## WHAT TO WORK ON
Determine which lines of the records include the word "IFCPOLYGONALFACESET", and copy them.

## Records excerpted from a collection
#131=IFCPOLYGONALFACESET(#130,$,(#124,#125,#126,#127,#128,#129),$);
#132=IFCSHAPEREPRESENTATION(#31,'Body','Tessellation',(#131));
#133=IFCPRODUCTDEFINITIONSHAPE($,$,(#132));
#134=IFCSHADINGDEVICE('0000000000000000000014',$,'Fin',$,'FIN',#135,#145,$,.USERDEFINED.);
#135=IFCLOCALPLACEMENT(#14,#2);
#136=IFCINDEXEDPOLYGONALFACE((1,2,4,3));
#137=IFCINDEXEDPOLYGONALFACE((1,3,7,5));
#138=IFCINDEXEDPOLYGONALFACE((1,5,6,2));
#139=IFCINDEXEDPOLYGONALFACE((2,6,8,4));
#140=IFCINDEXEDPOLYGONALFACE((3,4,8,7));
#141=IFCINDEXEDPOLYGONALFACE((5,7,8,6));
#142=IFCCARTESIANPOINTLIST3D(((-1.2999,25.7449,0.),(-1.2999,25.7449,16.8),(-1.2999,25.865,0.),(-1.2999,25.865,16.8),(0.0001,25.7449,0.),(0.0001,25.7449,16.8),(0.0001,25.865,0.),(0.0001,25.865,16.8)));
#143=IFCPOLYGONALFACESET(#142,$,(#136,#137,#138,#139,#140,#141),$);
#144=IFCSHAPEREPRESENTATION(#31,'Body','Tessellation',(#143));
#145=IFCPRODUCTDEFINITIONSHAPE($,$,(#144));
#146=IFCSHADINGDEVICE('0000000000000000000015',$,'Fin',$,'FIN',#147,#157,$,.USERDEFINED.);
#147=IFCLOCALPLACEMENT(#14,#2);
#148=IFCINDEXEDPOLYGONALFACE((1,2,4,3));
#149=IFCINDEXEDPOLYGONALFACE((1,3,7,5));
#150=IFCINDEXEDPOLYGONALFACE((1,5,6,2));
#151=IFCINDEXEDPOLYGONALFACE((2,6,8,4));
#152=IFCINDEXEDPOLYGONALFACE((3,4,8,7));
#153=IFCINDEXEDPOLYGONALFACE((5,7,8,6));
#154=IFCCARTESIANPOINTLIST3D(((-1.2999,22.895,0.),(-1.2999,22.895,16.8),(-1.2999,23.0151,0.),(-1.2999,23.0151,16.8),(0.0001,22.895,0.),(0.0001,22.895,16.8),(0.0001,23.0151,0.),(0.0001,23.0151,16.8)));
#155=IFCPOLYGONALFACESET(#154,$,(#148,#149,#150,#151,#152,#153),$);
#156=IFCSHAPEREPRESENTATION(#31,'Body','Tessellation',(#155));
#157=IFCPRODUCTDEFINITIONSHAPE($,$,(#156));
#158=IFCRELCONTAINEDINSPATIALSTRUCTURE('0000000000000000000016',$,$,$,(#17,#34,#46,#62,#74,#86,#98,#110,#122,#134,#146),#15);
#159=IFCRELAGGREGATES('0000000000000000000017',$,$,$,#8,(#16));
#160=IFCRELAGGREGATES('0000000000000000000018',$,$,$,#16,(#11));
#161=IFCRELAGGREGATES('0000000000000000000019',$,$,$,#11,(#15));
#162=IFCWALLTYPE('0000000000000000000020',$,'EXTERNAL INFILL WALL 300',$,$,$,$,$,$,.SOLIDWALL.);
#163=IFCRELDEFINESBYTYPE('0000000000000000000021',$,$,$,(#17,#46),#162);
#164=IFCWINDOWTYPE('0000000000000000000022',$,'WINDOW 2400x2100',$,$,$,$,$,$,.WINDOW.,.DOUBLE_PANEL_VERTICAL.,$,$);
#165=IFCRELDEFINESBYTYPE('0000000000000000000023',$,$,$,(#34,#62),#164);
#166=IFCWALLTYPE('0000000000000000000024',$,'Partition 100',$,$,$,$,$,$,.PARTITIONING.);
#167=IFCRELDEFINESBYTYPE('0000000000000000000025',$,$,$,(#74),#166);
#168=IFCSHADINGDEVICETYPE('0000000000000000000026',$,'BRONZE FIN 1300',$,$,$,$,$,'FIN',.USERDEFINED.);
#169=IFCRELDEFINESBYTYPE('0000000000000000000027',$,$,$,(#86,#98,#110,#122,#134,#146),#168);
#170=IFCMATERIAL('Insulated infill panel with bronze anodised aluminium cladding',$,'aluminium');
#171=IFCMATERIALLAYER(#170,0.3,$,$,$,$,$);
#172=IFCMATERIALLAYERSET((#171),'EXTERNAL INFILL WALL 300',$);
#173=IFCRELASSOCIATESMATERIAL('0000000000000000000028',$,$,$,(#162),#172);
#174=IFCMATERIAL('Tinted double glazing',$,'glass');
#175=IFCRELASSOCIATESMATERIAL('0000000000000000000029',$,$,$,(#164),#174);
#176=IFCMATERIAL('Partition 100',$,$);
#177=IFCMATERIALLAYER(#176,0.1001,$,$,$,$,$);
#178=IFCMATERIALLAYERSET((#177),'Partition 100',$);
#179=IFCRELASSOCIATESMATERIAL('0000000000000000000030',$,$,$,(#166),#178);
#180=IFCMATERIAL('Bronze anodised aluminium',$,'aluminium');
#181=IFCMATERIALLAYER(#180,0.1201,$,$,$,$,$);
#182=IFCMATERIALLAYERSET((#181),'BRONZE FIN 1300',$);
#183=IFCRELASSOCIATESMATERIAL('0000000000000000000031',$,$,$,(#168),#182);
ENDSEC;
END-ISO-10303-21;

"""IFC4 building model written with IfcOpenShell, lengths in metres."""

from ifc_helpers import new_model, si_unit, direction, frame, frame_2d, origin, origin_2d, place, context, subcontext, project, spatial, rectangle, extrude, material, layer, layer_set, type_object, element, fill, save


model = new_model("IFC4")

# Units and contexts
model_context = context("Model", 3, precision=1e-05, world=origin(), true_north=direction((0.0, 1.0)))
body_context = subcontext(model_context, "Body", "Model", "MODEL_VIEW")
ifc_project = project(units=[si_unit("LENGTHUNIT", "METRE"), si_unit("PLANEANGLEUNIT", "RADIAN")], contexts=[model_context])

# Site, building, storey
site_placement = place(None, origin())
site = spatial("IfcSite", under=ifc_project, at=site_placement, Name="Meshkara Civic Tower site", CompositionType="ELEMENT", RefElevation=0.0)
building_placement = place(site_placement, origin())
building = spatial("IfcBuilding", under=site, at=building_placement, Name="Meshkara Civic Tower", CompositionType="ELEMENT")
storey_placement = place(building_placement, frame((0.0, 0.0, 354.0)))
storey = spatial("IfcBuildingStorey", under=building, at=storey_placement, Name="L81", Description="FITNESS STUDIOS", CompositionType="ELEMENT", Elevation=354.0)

## RESULT FOR THIS EXERCISE
#131=IFCPOLYGONALFACESET(#130,$,(#124,#125,#126,#127,#128,#129),$);
#143=IFCPOLYGONALFACESET(#142,$,(#136,#137,#138,#139,#140,#141),$);
#155=IFCPOLYGONALFACESET(#154,$,(#148,#149,#150,#151,#152,#153),$);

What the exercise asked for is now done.